Collected data entries

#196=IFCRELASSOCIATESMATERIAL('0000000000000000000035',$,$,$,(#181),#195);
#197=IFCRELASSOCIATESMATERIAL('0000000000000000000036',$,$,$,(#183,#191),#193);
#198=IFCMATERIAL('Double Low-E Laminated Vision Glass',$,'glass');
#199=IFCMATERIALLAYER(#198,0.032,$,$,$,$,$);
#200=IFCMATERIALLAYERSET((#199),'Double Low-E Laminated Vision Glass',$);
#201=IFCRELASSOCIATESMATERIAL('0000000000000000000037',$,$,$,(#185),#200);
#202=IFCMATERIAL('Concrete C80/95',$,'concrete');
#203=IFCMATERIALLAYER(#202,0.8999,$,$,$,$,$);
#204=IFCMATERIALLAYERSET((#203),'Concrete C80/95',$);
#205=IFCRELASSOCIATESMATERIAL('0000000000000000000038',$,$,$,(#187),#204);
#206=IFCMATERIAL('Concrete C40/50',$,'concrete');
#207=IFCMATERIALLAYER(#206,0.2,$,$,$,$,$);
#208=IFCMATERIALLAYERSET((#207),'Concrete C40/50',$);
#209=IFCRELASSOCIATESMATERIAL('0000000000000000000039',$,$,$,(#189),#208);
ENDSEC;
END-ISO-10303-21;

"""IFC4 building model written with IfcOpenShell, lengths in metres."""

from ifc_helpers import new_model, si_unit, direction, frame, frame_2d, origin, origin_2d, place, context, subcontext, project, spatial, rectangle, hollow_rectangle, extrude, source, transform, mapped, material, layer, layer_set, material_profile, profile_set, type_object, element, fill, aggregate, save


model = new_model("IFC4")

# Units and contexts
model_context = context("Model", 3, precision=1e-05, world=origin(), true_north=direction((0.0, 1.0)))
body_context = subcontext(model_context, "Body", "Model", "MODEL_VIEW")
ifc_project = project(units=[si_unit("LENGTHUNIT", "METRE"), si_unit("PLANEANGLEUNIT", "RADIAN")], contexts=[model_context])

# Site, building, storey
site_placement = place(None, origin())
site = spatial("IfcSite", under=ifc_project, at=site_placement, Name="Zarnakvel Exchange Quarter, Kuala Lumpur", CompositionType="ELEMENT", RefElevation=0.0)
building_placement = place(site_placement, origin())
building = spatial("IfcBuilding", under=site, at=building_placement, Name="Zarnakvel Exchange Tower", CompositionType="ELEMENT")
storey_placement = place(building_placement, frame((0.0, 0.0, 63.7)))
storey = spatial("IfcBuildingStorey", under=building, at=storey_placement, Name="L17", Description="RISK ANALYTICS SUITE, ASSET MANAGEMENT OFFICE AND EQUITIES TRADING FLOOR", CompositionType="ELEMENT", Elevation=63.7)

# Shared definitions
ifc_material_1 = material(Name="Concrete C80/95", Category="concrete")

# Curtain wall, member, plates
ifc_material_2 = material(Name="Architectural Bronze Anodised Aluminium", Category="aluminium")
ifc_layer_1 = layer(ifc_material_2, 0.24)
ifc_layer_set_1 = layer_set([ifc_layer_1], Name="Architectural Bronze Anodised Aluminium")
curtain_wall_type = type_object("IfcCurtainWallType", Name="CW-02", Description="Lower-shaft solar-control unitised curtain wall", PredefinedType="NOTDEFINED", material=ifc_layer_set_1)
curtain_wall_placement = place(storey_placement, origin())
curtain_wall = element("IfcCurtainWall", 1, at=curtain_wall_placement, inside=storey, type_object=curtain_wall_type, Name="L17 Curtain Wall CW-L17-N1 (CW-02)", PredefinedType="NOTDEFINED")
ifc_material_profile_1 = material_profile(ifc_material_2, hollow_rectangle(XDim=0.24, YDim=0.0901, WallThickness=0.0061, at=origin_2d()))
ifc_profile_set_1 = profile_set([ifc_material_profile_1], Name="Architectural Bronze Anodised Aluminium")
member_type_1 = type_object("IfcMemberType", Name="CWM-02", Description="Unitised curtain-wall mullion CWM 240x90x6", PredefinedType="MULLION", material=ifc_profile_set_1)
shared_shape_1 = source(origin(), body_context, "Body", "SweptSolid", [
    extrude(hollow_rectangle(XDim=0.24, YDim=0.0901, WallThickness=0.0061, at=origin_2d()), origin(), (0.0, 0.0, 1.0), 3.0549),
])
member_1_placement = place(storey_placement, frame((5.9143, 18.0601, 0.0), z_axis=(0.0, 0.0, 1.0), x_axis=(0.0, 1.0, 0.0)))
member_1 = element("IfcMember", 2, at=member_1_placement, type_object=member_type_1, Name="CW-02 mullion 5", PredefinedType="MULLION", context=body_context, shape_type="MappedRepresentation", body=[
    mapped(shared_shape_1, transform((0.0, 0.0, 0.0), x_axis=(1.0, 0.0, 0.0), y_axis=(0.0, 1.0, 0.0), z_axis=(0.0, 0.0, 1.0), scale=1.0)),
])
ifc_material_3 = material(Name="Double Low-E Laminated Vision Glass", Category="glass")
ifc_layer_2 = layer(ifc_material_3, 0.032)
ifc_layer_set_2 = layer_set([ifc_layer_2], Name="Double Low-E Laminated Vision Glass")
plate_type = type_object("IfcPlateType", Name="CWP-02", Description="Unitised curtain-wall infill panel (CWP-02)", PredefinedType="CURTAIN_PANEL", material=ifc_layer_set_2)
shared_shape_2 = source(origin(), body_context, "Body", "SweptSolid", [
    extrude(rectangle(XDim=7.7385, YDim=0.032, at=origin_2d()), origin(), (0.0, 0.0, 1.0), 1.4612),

→ REQUIRED ACTION: Now repeat the data exactly, keeping every line.

→ SOLUTION FOR THIS EXERCISE:
#196=IFCRELASSOCIATESMATERIAL('0000000000000000000035',$,$,$,(#181),#195);
#197=IFCRELASSOCIATESMATERIAL('0000000000000000000036',$,$,$,(#183,#191),#193);
#198=IFCMATERIAL('Double Low-E Laminated Vision Glass',$,'glass');
#199=IFCMATERIALLAYER(#198,0.032,$,$,$,$,$);
#200=IFCMATERIALLAYERSET((#199),'Double Low-E Laminated Vision Glass',$);
#201=IFCRELASSOCIATESMATERIAL('0000000000000000000037',$,$,$,(#185),#200);
#202=IFCMATERIAL('Concrete C80/95',$,'concrete');
#203=IFCMATERIALLAYER(#202,0.8999,$,$,$,$,$);
#204=IFCMATERIALLAYERSET((#203),'Concrete C80/95',$);
#205=IFCRELASSOCIATESMATERIAL('0000000000000000000038',$,$,$,(#187),#204);
#206=IFCMATERIAL('Concrete C40/50',$,'concrete');
#207=IFCMATERIALLAYER(#206,0.2,$,$,$,$,$);
#208=IFCMATERIALLAYERSET((#207),'Concrete C40/50',$);
#209=IFCRELASSOCIATESMATERIAL('0000000000000000000039',$,$,$,(#189),#208);
ENDSEC;
END-ISO-10303-21;

"""IFC4 building model written with IfcOpenShell, lengths in metres."""

from ifc_helpers import new_model, si_unit, direction, frame, frame_2d, origin, origin_2d, place, context, subcontext, project, spatial, rectangle, hollow_rectangle, extrude, source, transform, mapped, material, layer, layer_set, material_profile, profile_set, type_object, element, fill, aggregate, save


model = new_model("IFC4")

# Units and contexts
model_context = context("Model", 3, precision=1e-05, world=origin(), true_north=direction((0.0, 1.0)))
body_context = subcontext(model_context, "Body", "Model", "MODEL_VIEW")
ifc_project = project(units=[si_unit("LENGTHUNIT", "METRE"), si_unit("PLANEANGLEUNIT", "RADIAN")], contexts=[model_context])

# Site, building, storey
site_placement = place(None, origin())
site = spatial("IfcSite", under=ifc_project, at=site_placement, Name="Zarnakvel Exchange Quarter, Kuala Lumpur", CompositionType="ELEMENT", RefElevation=0.0)
building_placement = place(site_placement, origin())
building = spatial("IfcBuilding", under=site, at=building_placement, Name="Zarnakvel Exchange Tower", CompositionType="ELEMENT")
storey_placement = place(building_placement, frame((0.0, 0.0, 63.7)))
storey = spatial("IfcBuildingStorey", under=building, at=storey_placement, Name="L17", Description="RISK ANALYTICS SUITE, ASSET MANAGEMENT OFFICE AND EQUITIES TRADING FLOOR", CompositionType="ELEMENT", Elevation=63.7)

# Shared definitions
ifc_material_1 = material(Name="Concrete C80/95", Category="concrete")

# Curtain wall, member, plates
ifc_material_2 = material(Name="Architectural Bronze Anodised Aluminium", Category="aluminium")
ifc_layer_1 = layer(ifc_material_2, 0.24)
ifc_layer_set_1 = layer_set([ifc_layer_1], Name="Architectural Bronze Anodised Aluminium")
curtain_wall_type = type_object("IfcCurtainWallType", Name="CW-02", Description="Lower-shaft solar-control unitised curtain wall", PredefinedType="NOTDEFINED", material=ifc_layer_set_1)
curtain_wall_placement = place(storey_placement, origin())
curtain_wall = element("IfcCurtainWall", 1, at=curtain_wall_placement, inside=storey, type_object=curtain_wall_type, Name="L17 Curtain Wall CW-L17-N1 (CW-02)", PredefinedType="NOTDEFINED")
ifc_material_profile_1 = material_profile(ifc_material_2, hollow_rectangle(XDim=0.24, YDim=0.0901, WallThickness=0.0061, at=origin_2d()))
ifc_profile_set_1 = profile_set([ifc_material_profile_1], Name="Architectural Bronze Anodised Aluminium")
member_type_1 = type_object("IfcMemberType", Name="CWM-02", Description="Unitised curtain-wall mullion CWM 240x90x6", PredefinedType="MULLION", material=ifc_profile_set_1)
shared_shape_1 = source(origin(), body_context, "Body", "SweptSolid", [
    extrude(hollow_rectangle(XDim=0.24, YDim=0.0901, WallThickness=0.0061, at=origin_2d()), origin(), (0.0, 0.0, 1.0), 3.0549),
])
member_1_placement = place(storey_placement, frame((5.9143, 18.0601, 0.0), z_axis=(0.0, 0.0, 1.0), x_axis=(0.0, 1.0, 0.0)))
member_1 = element("IfcMember", 2, at=member_1_placement, type_object=member_type_1, Name="CW-02 mullion 5", PredefinedType="MULLION", context=body_context, shape_type="MappedRepresentation", body=[
    mapped(shared_shape_1, transform((0.0, 0.0, 0.0), x_axis=(1.0, 0.0, 0.0), y_axis=(0.0, 1.0, 0.0), z_axis=(0.0, 0.0, 1.0), scale=1.0)),
])
ifc_material_3 = material(Name="Double Low-E Laminated Vision Glass", Category="glass")
ifc_layer_2 = layer(ifc_material_3, 0.032)
ifc_layer_set_2 = layer_set([ifc_layer_2], Name="Double Low-E Laminated Vision Glass")
plate_type = type_object("IfcPlateType", Name="CWP-02", Description="Unitised curtain-wall infill panel (CWP-02)", PredefinedType="CURTAIN_PANEL", material=ifc_layer_set_2)
shared_shape_2 = source(origin(), body_context, "Body", "SweptSolid", [
    extrude(rectangle(XDim=7.7385, YDim=0.032, at=origin_2d()), origin(), (0.0, 0.0, 1.0), 1.4612),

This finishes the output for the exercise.